## Dataset excerpts
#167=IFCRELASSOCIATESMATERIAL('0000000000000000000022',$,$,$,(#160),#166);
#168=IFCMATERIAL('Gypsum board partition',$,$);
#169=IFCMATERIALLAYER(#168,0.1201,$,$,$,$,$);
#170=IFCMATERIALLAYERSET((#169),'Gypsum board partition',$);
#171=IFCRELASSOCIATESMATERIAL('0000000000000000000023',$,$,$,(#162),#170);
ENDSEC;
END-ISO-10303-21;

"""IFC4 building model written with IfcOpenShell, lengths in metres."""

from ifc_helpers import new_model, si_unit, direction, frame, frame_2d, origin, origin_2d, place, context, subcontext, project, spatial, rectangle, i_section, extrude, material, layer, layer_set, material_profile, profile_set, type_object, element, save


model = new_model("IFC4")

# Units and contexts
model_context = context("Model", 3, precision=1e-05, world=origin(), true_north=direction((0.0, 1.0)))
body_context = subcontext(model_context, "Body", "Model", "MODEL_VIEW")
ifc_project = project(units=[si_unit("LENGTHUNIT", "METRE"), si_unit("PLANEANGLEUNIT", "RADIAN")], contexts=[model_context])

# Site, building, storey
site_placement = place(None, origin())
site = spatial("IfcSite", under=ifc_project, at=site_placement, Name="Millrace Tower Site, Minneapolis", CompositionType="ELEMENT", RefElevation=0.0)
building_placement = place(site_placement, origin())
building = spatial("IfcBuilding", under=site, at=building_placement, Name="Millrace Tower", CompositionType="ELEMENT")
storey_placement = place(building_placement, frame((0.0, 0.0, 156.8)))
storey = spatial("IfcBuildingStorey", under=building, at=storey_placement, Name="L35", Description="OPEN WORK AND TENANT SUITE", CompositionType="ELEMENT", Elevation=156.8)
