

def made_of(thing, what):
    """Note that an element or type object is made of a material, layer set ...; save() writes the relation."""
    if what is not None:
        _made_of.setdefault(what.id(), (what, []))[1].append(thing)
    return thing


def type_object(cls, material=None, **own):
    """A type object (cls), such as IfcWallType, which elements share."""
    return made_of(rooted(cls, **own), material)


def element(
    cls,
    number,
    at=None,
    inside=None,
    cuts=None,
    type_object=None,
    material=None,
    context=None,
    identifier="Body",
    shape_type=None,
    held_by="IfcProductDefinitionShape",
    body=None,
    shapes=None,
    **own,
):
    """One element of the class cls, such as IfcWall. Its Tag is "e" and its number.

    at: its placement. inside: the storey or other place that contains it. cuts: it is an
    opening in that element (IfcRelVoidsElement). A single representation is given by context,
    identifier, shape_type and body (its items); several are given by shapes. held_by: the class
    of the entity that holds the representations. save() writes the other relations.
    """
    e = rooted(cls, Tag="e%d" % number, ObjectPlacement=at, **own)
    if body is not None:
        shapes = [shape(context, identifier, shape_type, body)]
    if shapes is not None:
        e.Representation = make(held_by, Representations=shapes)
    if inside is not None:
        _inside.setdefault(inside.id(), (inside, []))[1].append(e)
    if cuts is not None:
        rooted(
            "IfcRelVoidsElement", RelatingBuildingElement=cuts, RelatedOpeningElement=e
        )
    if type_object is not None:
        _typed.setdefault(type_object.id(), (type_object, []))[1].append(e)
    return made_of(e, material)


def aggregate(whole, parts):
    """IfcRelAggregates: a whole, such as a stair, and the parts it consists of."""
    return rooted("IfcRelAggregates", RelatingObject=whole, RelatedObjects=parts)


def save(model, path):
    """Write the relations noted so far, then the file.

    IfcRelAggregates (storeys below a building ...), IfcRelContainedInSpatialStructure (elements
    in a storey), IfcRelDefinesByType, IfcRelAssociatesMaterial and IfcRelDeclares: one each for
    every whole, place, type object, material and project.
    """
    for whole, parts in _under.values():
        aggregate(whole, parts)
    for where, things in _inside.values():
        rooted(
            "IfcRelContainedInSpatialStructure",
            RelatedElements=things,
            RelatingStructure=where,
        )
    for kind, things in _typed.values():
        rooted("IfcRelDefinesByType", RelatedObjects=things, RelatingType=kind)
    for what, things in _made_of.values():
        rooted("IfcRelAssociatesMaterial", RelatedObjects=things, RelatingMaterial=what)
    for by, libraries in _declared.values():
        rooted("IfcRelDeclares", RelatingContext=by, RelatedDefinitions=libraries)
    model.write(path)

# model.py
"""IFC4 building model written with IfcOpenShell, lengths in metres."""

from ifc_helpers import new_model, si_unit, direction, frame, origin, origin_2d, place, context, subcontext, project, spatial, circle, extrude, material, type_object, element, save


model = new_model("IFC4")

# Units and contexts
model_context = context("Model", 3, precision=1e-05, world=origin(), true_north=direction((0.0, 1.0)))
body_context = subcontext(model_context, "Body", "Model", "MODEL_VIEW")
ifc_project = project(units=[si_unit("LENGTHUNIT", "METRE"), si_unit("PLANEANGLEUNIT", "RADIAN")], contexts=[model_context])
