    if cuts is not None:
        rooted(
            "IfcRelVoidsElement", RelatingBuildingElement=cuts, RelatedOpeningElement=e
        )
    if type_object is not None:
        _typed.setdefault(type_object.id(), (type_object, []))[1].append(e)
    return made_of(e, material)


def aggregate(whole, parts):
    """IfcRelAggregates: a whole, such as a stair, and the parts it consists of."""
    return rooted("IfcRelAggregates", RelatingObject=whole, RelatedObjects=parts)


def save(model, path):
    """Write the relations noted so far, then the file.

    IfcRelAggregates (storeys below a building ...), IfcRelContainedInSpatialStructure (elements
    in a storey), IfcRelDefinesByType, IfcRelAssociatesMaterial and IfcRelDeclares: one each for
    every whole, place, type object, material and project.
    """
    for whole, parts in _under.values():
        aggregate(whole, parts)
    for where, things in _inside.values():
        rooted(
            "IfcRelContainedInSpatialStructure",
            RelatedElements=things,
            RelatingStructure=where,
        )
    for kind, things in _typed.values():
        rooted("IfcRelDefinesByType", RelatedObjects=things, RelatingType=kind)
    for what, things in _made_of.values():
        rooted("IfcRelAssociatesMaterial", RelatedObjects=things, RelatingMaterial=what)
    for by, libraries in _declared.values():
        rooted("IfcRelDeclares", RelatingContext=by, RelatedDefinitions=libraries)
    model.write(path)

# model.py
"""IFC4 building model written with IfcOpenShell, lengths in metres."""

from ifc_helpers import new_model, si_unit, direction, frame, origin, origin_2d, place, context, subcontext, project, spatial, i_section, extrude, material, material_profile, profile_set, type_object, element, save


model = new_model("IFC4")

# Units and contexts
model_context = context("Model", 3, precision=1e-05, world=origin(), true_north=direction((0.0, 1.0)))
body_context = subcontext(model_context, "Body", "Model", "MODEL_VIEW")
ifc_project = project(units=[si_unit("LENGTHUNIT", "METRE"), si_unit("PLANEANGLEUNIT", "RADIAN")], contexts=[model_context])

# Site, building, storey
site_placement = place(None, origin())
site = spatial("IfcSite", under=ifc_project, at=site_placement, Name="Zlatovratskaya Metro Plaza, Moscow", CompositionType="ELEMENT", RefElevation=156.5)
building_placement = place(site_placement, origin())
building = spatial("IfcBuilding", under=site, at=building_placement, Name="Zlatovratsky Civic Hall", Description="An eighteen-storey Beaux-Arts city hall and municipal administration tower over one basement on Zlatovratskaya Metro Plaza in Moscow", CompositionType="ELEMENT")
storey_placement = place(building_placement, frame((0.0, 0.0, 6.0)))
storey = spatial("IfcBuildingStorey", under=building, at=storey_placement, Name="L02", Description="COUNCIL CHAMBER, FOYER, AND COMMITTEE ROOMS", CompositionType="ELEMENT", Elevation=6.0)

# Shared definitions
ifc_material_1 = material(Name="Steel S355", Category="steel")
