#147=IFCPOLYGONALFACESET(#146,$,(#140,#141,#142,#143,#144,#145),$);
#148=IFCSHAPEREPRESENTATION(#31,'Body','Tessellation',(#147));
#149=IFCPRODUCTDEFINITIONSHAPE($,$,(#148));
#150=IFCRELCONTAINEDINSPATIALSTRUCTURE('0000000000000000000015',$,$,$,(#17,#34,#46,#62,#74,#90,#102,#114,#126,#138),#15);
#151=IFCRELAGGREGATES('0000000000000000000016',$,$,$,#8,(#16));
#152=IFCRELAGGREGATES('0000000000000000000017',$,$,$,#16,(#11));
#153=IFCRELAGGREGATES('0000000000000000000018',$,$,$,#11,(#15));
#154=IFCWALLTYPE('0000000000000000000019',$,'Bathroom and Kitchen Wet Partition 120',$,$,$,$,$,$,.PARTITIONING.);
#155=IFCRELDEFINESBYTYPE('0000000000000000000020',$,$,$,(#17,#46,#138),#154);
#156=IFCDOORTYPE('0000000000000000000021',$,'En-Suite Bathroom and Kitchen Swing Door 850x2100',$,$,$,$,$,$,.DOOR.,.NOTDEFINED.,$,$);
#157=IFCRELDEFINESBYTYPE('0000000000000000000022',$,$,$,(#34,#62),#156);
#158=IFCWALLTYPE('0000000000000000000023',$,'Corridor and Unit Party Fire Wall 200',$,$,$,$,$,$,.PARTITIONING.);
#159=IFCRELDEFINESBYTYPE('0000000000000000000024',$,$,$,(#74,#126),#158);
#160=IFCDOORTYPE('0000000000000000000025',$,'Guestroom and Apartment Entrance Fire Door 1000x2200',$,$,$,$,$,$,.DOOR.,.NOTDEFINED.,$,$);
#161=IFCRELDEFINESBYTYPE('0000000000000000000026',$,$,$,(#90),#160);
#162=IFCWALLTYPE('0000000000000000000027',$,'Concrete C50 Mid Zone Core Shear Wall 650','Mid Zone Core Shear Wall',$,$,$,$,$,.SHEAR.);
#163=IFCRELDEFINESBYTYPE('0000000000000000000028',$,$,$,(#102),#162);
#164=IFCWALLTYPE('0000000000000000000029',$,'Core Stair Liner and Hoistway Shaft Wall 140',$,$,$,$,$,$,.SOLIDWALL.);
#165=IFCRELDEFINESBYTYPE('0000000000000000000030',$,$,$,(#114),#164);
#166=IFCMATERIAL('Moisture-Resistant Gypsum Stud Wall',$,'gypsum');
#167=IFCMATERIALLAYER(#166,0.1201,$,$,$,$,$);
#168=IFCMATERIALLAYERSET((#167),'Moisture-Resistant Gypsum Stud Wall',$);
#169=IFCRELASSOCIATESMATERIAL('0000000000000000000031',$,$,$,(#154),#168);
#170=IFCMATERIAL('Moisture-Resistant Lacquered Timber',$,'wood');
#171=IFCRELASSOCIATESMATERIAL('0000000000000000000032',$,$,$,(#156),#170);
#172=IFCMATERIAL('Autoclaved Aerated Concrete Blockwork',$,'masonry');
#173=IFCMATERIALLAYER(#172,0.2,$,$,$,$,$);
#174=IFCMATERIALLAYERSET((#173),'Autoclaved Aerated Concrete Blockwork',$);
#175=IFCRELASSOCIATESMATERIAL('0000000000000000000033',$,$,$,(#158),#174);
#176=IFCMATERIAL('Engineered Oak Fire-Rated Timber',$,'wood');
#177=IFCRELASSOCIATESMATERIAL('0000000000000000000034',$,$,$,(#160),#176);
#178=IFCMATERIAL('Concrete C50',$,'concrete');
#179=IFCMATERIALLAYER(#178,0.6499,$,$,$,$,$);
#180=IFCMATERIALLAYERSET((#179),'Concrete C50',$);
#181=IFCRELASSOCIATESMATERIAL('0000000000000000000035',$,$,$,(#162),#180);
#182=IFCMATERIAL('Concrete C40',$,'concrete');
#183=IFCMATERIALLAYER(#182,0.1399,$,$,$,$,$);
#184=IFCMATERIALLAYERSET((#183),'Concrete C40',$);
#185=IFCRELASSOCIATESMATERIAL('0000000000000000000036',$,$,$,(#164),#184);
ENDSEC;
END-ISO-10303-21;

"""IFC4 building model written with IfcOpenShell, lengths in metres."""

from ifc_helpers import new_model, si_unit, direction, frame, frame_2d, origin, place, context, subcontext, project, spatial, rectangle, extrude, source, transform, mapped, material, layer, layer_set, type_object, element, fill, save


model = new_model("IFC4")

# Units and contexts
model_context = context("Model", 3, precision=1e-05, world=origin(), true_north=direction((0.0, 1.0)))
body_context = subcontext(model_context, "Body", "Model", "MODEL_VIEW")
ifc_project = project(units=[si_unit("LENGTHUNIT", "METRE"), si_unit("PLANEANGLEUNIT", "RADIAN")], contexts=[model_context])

## How to complete this task
Please filter the listing down to lines that include the word "Door".

## Solution below
#156=IFCDOORTYPE('0000000000000000000021',$,'En-Suite Bathroom and Kitchen Swing Door 850x2100',$,$,$,$,$,$,.DOOR.,.NOTDEFINED.,$,$);
#160=IFCDOORTYPE('0000000000000000000025',$,'Guestroom and Apartment Entrance Fire Door 1000x2200',$,$,$,$,$,$,.DOOR.,.NOTDEFINED.,$,$);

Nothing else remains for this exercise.